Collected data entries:
◇ ◇ ◇ ◇ ◇

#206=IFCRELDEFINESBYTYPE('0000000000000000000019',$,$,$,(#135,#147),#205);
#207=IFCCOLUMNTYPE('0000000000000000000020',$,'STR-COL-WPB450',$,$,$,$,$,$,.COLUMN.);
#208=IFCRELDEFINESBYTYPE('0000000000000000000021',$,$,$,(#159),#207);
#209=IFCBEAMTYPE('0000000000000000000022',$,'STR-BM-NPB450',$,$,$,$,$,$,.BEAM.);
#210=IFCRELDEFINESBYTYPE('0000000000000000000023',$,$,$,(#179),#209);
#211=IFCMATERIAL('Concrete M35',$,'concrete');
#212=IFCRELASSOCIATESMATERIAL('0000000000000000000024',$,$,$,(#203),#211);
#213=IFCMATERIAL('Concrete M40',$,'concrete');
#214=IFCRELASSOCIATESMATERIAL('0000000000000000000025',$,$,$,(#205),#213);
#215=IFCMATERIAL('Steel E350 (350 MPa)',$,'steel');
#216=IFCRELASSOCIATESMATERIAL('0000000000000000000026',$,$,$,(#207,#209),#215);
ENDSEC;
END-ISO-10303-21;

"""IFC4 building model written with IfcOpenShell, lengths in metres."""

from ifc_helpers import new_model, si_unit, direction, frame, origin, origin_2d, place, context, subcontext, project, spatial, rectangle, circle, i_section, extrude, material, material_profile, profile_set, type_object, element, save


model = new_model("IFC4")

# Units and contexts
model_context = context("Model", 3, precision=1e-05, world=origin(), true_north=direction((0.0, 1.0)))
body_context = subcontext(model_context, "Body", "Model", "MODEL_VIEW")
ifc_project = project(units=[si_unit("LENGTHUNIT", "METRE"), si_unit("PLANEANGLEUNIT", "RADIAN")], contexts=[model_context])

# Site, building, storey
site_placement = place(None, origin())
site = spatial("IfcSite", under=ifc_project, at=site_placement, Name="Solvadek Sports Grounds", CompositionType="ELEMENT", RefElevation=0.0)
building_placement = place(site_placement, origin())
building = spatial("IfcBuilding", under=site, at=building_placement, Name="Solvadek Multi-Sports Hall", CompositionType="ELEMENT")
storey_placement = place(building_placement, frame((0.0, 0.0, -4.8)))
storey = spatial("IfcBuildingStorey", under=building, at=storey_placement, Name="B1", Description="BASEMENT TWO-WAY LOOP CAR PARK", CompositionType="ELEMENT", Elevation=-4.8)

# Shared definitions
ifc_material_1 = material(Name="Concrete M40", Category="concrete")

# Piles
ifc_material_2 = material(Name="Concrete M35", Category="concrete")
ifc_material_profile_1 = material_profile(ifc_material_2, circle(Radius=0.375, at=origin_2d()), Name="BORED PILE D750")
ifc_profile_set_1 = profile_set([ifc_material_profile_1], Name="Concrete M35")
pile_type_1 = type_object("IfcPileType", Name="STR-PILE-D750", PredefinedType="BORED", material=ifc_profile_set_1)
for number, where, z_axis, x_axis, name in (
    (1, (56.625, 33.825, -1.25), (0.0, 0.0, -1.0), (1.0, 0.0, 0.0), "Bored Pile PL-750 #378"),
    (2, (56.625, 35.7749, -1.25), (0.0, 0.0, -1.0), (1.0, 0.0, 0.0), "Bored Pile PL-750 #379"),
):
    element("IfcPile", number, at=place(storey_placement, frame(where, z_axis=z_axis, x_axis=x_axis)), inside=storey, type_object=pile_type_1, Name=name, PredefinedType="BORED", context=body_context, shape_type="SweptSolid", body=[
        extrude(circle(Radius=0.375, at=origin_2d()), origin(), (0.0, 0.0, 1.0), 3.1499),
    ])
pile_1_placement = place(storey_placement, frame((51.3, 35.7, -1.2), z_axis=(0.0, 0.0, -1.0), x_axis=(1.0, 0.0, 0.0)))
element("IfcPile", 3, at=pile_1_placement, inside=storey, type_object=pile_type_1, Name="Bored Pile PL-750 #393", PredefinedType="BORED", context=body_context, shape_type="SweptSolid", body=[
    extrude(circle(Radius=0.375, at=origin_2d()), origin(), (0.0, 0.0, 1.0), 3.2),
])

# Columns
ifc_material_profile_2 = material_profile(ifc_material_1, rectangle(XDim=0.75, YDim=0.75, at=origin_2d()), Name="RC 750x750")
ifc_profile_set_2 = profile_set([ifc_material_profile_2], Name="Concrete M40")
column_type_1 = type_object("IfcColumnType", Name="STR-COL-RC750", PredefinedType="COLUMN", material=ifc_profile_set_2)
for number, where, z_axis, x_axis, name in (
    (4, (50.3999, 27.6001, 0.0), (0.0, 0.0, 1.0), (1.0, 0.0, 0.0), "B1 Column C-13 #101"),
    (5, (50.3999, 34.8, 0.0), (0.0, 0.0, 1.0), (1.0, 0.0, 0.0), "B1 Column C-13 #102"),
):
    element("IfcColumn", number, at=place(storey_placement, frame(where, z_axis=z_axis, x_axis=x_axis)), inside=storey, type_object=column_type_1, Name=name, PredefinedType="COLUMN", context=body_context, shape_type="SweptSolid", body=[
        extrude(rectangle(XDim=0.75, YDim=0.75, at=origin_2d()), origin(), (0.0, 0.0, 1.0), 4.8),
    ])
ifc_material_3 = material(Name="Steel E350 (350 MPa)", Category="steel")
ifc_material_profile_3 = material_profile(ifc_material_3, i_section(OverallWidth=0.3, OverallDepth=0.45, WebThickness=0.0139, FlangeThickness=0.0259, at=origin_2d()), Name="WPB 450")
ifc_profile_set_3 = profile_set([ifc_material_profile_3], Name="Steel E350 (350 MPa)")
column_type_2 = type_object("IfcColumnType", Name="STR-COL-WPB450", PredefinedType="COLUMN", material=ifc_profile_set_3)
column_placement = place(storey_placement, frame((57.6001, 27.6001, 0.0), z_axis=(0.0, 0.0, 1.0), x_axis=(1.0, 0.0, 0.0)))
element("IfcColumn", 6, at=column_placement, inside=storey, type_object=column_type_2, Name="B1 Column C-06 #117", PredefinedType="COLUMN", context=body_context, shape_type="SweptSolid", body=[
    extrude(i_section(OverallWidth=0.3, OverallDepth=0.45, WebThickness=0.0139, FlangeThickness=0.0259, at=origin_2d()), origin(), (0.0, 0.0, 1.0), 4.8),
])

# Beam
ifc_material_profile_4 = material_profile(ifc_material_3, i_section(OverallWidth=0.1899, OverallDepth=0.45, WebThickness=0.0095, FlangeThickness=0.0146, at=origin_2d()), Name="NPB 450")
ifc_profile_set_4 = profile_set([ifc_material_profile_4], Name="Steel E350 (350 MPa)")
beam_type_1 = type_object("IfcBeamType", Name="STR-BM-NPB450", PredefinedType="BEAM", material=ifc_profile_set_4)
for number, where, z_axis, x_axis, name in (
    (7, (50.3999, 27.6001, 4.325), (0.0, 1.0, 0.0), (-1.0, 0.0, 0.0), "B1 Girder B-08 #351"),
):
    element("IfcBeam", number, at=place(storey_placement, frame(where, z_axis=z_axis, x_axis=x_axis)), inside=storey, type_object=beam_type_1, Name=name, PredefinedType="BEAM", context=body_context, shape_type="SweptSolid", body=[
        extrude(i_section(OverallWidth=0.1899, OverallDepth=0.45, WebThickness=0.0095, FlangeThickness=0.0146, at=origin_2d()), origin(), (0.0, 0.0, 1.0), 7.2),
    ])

◇ ◇ ◇ ◇ ◇

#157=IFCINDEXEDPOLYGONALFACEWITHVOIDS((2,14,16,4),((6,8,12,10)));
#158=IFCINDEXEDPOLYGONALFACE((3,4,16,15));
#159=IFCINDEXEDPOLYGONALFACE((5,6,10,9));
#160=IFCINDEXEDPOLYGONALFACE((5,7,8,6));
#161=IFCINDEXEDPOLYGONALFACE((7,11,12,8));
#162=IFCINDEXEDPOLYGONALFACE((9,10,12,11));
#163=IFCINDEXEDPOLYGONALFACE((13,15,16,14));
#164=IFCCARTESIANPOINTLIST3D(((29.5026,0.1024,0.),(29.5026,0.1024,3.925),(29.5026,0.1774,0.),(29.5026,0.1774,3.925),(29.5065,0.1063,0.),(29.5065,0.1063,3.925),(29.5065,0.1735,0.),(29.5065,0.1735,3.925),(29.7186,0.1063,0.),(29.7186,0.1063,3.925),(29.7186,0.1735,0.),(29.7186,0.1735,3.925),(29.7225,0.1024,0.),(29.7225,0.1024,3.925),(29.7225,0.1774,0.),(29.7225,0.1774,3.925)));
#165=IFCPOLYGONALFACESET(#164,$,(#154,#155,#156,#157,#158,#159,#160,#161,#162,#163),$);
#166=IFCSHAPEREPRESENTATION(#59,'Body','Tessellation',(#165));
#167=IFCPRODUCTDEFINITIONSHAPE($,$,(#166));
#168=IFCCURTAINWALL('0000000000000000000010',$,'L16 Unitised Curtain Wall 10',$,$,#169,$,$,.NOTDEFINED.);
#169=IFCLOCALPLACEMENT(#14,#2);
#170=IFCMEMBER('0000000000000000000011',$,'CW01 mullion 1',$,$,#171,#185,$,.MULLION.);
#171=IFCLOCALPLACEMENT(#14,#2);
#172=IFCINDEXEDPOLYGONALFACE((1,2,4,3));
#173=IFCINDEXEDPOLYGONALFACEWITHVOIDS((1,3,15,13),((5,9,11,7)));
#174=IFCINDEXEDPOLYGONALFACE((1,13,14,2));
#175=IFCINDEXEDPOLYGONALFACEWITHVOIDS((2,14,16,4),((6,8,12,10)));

◇ ◇ ◇ ◇ ◇

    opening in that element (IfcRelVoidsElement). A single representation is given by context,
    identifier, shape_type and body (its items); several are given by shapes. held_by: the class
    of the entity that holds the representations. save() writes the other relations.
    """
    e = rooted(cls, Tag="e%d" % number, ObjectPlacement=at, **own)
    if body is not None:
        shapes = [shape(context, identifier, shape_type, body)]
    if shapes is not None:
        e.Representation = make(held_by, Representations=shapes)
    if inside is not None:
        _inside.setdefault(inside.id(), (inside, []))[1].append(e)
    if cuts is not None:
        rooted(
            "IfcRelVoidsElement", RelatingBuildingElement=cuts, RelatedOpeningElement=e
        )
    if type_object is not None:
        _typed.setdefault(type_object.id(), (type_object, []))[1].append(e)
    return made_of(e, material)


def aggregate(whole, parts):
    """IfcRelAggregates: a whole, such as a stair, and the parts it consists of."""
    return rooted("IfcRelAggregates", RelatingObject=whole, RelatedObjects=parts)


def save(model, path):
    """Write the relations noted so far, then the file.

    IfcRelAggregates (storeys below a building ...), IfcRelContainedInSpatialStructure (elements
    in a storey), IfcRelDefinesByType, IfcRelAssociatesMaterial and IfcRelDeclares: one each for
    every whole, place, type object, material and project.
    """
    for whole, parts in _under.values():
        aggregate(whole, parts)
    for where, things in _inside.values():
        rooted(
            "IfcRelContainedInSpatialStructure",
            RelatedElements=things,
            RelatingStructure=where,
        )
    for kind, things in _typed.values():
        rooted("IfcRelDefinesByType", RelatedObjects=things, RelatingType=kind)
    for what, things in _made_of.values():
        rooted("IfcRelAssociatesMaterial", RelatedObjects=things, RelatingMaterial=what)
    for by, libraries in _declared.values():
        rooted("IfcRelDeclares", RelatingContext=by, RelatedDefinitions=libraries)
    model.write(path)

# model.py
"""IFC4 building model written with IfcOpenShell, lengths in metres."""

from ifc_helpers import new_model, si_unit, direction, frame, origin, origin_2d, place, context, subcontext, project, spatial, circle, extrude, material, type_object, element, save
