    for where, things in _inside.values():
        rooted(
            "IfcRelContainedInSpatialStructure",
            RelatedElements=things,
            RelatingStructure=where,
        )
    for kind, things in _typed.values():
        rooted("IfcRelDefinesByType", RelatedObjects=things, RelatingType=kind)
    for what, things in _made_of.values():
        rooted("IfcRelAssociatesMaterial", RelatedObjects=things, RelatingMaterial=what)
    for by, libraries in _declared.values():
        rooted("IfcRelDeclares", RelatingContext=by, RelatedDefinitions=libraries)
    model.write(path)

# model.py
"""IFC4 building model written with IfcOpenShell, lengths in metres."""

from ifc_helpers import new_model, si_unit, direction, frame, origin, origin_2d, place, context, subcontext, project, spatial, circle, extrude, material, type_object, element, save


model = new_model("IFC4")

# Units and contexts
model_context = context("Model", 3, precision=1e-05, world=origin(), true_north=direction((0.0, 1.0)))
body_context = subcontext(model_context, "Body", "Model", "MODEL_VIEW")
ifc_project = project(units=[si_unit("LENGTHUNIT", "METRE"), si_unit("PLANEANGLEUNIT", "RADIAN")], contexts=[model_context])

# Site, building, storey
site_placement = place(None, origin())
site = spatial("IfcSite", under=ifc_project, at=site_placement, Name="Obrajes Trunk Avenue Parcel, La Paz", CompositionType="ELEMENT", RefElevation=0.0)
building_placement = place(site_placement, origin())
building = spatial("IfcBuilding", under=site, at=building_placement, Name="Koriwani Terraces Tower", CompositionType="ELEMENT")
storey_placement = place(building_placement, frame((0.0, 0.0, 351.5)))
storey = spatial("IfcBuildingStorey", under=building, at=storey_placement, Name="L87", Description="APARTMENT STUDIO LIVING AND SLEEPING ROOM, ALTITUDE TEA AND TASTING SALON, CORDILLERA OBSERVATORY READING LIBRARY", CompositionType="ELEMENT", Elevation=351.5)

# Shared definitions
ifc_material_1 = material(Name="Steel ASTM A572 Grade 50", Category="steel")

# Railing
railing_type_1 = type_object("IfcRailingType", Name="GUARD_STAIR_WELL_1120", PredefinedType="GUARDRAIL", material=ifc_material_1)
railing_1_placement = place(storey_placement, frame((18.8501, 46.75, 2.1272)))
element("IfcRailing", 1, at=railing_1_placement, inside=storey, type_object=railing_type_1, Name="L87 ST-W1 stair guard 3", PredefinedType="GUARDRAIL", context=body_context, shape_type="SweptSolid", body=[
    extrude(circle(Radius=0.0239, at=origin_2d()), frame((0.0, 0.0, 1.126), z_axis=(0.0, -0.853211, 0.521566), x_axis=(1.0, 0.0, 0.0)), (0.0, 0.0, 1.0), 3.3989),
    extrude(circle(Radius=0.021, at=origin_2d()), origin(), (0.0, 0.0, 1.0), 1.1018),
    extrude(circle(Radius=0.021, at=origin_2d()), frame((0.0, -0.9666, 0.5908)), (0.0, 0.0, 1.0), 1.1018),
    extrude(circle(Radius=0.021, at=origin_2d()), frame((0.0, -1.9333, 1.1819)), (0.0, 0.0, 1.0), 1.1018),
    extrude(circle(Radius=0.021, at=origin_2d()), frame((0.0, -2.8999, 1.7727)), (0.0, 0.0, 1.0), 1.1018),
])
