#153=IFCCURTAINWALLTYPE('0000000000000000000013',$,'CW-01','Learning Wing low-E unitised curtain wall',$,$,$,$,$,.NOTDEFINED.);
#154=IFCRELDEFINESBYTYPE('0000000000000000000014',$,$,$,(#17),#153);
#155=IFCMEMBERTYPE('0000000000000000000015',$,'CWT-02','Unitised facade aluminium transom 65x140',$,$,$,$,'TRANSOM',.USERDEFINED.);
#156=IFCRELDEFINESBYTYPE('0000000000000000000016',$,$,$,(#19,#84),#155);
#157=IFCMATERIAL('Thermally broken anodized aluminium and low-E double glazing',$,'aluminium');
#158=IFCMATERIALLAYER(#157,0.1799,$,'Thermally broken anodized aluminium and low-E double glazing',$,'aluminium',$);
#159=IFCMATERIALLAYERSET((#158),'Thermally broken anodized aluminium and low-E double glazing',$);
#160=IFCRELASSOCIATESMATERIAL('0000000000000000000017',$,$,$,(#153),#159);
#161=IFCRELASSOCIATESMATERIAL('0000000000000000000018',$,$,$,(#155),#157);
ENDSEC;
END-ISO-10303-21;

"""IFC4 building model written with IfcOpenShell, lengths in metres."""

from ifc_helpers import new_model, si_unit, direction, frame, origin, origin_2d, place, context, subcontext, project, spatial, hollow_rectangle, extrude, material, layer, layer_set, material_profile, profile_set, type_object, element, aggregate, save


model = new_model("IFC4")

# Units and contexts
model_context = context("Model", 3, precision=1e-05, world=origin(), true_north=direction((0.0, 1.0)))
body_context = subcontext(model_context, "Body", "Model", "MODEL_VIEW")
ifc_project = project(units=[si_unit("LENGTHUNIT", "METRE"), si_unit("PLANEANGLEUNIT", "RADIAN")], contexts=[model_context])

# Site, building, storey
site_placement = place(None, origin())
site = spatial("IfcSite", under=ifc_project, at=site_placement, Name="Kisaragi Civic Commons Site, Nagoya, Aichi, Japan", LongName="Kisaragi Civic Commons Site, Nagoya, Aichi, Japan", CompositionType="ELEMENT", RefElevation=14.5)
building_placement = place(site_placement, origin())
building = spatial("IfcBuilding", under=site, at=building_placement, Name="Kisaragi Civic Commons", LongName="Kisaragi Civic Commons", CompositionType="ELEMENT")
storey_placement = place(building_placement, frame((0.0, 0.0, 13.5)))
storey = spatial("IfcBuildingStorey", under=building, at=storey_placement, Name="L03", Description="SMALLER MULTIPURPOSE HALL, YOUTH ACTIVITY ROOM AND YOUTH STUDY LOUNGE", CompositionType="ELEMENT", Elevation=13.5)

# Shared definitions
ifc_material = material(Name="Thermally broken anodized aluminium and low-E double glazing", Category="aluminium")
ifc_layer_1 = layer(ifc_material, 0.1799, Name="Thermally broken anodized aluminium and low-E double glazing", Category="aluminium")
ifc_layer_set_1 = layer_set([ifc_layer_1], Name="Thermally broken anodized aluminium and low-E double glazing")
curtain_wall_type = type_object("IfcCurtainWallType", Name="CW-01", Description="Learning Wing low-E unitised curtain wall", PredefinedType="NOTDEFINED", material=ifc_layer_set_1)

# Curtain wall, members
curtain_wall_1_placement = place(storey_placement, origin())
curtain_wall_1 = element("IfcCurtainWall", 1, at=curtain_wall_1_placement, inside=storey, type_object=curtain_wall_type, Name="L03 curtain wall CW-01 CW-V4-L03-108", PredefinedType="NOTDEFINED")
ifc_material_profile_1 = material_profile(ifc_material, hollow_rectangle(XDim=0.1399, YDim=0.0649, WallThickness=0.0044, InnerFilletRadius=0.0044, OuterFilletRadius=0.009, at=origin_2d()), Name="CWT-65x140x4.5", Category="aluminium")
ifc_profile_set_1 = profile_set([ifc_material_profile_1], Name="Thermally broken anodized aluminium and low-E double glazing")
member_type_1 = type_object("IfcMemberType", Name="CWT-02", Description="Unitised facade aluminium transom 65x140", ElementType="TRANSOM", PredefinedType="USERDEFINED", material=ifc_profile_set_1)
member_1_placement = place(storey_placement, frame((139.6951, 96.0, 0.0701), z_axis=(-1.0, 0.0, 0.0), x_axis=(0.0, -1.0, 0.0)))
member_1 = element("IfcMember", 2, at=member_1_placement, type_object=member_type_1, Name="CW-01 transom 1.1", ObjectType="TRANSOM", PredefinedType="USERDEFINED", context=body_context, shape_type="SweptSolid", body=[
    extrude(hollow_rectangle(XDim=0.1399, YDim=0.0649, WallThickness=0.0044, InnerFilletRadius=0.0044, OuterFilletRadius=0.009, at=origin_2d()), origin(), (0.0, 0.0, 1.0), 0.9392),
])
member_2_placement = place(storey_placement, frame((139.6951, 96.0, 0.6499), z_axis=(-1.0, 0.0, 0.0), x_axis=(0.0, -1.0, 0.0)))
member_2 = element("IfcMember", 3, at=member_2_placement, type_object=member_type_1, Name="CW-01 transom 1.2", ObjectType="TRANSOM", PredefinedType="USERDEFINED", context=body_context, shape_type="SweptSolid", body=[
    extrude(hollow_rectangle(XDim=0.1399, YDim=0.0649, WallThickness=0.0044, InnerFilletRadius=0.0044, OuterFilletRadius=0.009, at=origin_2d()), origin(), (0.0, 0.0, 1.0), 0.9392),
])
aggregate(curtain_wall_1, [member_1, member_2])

◇ ◇ ◇ ◇ ◇

__Description of the task__
Check each line of the entries above for the word "NOTDEFINED". List the ones that have it.

__Problem solution__
#168=IFCCURTAINWALL('0000000000000000000010',$,'L16 Unitised Curtain Wall 10',$,$,#169,$,$,.NOTDEFINED.);
#153=IFCCURTAINWALLTYPE('0000000000000000000013',$,'CW-01','Learning Wing low-E unitised curtain wall',$,$,$,$,$,.NOTDEFINED.);
curtain_wall_type = type_object("IfcCurtainWallType", Name="CW-01", Description="Learning Wing low-E unitised curtain wall", PredefinedType="NOTDEFINED", material=ifc_layer_set_1)
curtain_wall_1 = element("IfcCurtainWall", 1, at=curtain_wall_1_placement, inside=storey, type_object=curtain_wall_type, Name="L03 curtain wall CW-01 CW-V4-L03-108", PredefinedType="NOTDEFINED")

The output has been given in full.